__DATA UNDER STUDY__:
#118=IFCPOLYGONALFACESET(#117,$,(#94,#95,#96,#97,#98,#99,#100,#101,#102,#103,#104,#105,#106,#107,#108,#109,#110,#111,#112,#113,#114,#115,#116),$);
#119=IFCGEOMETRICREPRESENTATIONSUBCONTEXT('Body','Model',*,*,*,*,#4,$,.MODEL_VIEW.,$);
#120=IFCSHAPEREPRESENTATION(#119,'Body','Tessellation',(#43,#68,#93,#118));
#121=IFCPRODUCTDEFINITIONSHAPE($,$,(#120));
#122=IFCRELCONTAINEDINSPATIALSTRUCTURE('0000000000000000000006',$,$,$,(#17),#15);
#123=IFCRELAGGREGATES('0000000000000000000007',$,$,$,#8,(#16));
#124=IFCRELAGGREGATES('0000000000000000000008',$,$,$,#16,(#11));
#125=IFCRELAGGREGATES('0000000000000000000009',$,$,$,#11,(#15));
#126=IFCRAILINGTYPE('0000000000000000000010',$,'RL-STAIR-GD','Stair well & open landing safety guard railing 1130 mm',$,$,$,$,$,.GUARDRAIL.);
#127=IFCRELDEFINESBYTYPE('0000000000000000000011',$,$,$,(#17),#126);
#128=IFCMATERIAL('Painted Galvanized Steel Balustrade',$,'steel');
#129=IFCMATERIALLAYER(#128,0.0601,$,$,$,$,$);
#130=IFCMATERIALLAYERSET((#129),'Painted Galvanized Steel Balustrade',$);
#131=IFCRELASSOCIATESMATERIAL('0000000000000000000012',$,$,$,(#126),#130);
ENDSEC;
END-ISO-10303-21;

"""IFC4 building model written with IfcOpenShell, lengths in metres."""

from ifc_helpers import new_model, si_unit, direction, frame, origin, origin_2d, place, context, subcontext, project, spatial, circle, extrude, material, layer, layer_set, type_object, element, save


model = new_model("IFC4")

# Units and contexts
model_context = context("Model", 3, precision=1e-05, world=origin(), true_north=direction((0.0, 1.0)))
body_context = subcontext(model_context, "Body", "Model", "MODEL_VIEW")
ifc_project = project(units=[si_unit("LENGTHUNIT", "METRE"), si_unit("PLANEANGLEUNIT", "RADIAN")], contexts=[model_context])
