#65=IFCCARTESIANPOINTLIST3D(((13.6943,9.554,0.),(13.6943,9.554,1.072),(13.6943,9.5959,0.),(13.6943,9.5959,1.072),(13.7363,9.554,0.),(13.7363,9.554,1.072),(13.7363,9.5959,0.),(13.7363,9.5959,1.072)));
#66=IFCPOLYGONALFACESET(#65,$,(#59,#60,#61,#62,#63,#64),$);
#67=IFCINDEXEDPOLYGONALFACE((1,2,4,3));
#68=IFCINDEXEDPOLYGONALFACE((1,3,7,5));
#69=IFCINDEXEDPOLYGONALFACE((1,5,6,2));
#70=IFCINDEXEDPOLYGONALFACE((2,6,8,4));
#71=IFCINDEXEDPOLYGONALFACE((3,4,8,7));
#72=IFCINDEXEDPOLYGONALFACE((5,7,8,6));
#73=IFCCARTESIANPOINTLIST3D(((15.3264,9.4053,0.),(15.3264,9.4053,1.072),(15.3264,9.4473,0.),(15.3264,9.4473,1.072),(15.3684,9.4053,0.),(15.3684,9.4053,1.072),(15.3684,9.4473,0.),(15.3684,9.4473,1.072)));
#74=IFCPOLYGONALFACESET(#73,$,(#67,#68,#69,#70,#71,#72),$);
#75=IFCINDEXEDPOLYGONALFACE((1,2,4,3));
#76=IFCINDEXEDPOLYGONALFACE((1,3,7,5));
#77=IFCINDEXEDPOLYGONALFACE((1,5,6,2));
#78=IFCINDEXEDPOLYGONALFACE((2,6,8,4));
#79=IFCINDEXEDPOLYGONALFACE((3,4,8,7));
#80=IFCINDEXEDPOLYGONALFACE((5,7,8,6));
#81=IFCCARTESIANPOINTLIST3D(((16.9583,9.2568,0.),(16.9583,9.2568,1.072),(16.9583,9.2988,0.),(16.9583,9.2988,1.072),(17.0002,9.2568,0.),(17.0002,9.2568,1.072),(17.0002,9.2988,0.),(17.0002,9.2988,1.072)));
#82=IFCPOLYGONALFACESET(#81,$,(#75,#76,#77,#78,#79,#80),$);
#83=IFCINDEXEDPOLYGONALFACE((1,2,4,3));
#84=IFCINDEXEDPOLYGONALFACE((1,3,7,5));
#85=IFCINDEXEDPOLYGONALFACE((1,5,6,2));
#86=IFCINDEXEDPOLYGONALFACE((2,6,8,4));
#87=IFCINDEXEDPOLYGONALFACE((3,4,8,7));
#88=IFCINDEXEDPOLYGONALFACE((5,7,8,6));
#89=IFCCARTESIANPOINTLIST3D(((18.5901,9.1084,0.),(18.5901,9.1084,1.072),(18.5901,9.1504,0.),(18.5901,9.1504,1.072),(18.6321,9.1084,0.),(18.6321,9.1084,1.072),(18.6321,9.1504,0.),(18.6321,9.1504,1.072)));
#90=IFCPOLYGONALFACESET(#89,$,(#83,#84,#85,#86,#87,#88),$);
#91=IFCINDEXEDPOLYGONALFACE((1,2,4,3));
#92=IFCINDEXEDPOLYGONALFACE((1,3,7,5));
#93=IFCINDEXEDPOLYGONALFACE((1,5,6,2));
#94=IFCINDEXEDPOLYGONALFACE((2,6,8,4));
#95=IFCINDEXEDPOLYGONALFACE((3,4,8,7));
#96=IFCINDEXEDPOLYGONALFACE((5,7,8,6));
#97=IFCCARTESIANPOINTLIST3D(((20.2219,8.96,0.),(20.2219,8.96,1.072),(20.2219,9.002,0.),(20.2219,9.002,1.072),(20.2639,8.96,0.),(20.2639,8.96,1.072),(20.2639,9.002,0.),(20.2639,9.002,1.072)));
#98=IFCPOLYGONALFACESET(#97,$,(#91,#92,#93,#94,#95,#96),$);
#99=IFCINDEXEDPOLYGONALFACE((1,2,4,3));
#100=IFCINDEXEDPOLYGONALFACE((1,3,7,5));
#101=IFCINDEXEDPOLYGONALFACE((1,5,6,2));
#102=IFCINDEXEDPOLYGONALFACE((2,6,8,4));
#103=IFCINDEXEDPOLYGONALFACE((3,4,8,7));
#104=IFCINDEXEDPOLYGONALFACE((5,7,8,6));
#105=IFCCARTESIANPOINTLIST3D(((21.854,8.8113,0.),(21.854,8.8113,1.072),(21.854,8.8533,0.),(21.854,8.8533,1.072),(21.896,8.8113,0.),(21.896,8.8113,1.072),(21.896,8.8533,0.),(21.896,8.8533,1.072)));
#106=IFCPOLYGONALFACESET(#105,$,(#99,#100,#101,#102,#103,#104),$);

__EXERCISE__:
The whole listing above is to be reproduced without any slip.

__PROBLEM SOLUTION__:
#118=IFCPOLYGONALFACESET(#117,$,(#94,#95,#96,#97,#98,#99,#100,#101,#102,#103,#104,#105,#106,#107,#108,#109,#110,#111,#112,#113,#114,#115,#116),$);
#119=IFCGEOMETRICREPRESENTATIONSUBCONTEXT('Body','Model',*,*,*,*,#4,$,.MODEL_VIEW.,$);
#120=IFCSHAPEREPRESENTATION(#119,'Body','Tessellation',(#43,#68,#93,#118));
#121=IFCPRODUCTDEFINITIONSHAPE($,$,(#120));
#122=IFCRELCONTAINEDINSPATIALSTRUCTURE('0000000000000000000006',$,$,$,(#17),#15);
#123=IFCRELAGGREGATES('0000000000000000000007',$,$,$,#8,(#16));
#124=IFCRELAGGREGATES('0000000000000000000008',$,$,$,#16,(#11));
#125=IFCRELAGGREGATES('0000000000000000000009',$,$,$,#11,(#15));
#126=IFCRAILINGTYPE('0000000000000000000010',$,'RL-STAIR-GD','Stair well & open landing safety guard railing 1130 mm',$,$,$,$,$,.GUARDRAIL.);
#127=IFCRELDEFINESBYTYPE('0000000000000000000011',$,$,$,(#17),#126);
#128=IFCMATERIAL('Painted Galvanized Steel Balustrade',$,'steel');
#129=IFCMATERIALLAYER(#128,0.0601,$,$,$,$,$);
#130=IFCMATERIALLAYERSET((#129),'Painted Galvanized Steel Balustrade',$);
#131=IFCRELASSOCIATESMATERIAL('0000000000000000000012',$,$,$,(#126),#130);
ENDSEC;
END-ISO-10303-21;

"""IFC4 building model written with IfcOpenShell, lengths in metres."""

from ifc_helpers import new_model, si_unit, direction, frame, origin, origin_2d, place, context, subcontext, project, spatial, circle, extrude, material, layer, layer_set, type_object, element, save


model = new_model("IFC4")

# Units and contexts
model_context = context("Model", 3, precision=1e-05, world=origin(), true_north=direction((0.0, 1.0)))
body_context = subcontext(model_context, "Body", "Model", "MODEL_VIEW")
ifc_project = project(units=[si_unit("LENGTHUNIT", "METRE"), si_unit("PLANEANGLEUNIT", "RADIAN")], contexts=[model_context])
#65=IFCCARTESIANPOINTLIST3D(((13.6943,9.554,0.),(13.6943,9.554,1.072),(13.6943,9.5959,0.),(13.6943,9.5959,1.072),(13.7363,9.554,0.),(13.7363,9.554,1.072),(13.7363,9.5959,0.),(13.7363,9.5959,1.072)));
#66=IFCPOLYGONALFACESET(#65,$,(#59,#60,#61,#62,#63,#64),$);
#67=IFCINDEXEDPOLYGONALFACE((1,2,4,3));
#68=IFCINDEXEDPOLYGONALFACE((1,3,7,5));
#69=IFCINDEXEDPOLYGONALFACE((1,5,6,2));
#70=IFCINDEXEDPOLYGONALFACE((2,6,8,4));
#71=IFCINDEXEDPOLYGONALFACE((3,4,8,7));
#72=IFCINDEXEDPOLYGONALFACE((5,7,8,6));
#73=IFCCARTESIANPOINTLIST3D(((15.3264,9.4053,0.),(15.3264,9.4053,1.072),(15.3264,9.4473,0.),(15.3264,9.4473,1.072),(15.3684,9.4053,0.),(15.3684,9.4053,1.072),(15.3684,9.4473,0.),(15.3684,9.4473,1.072)));
#74=IFCPOLYGONALFACESET(#73,$,(#67,#68,#69,#70,#71,#72),$);
#75=IFCINDEXEDPOLYGONALFACE((1,2,4,3));
#76=IFCINDEXEDPOLYGONALFACE((1,3,7,5));
#77=IFCINDEXEDPOLYGONALFACE((1,5,6,2));
#78=IFCINDEXEDPOLYGONALFACE((2,6,8,4));
#79=IFCINDEXEDPOLYGONALFACE((3,4,8,7));
#80=IFCINDEXEDPOLYGONALFACE((5,7,8,6));
#81=IFCCARTESIANPOINTLIST3D(((16.9583,9.2568,0.),(16.9583,9.2568,1.072),(16.9583,9.2988,0.),(16.9583,9.2988,1.072),(17.0002,9.2568,0.),(17.0002,9.2568,1.072),(17.0002,9.2988,0.),(17.0002,9.2988,1.072)));
#82=IFCPOLYGONALFACESET(#81,$,(#75,#76,#77,#78,#79,#80),$);
#83=IFCINDEXEDPOLYGONALFACE((1,2,4,3));
#84=IFCINDEXEDPOLYGONALFACE((1,3,7,5));
#85=IFCINDEXEDPOLYGONALFACE((1,5,6,2));
#86=IFCINDEXEDPOLYGONALFACE((2,6,8,4));
#87=IFCINDEXEDPOLYGONALFACE((3,4,8,7));
#88=IFCINDEXEDPOLYGONALFACE((5,7,8,6));
#89=IFCCARTESIANPOINTLIST3D(((18.5901,9.1084,0.),(18.5901,9.1084,1.072),(18.5901,9.1504,0.),(18.5901,9.1504,1.072),(18.6321,9.1084,0.),(18.6321,9.1084,1.072),(18.6321,9.1504,0.),(18.6321,9.1504,1.072)));
#90=IFCPOLYGONALFACESET(#89,$,(#83,#84,#85,#86,#87,#88),$);
#91=IFCINDEXEDPOLYGONALFACE((1,2,4,3));
#92=IFCINDEXEDPOLYGONALFACE((1,3,7,5));
#93=IFCINDEXEDPOLYGONALFACE((1,5,6,2));
#94=IFCINDEXEDPOLYGONALFACE((2,6,8,4));
#95=IFCINDEXEDPOLYGONALFACE((3,4,8,7));
#96=IFCINDEXEDPOLYGONALFACE((5,7,8,6));
#97=IFCCARTESIANPOINTLIST3D(((20.2219,8.96,0.),(20.2219,8.96,1.072),(20.2219,9.002,0.),(20.2219,9.002,1.072),(20.2639,8.96,0.),(20.2639,8.96,1.072),(20.2639,9.002,0.),(20.2639,9.002,1.072)));
#98=IFCPOLYGONALFACESET(#97,$,(#91,#92,#93,#94,#95,#96),$);
#99=IFCINDEXEDPOLYGONALFACE((1,2,4,3));
#100=IFCINDEXEDPOLYGONALFACE((1,3,7,5));
#101=IFCINDEXEDPOLYGONALFACE((1,5,6,2));
#102=IFCINDEXEDPOLYGONALFACE((2,6,8,4));
#103=IFCINDEXEDPOLYGONALFACE((3,4,8,7));
#104=IFCINDEXEDPOLYGONALFACE((5,7,8,6));
#105=IFCCARTESIANPOINTLIST3D(((21.854,8.8113,0.),(21.854,8.8113,1.072),(21.854,8.8533,0.),(21.854,8.8533,1.072),(21.896,8.8113,0.),(21.896,8.8113,1.072),(21.896,8.8533,0.),(21.896,8.8533,1.072)));
#106=IFCPOLYGONALFACESET(#105,$,(#99,#100,#101,#102,#103,#104),$);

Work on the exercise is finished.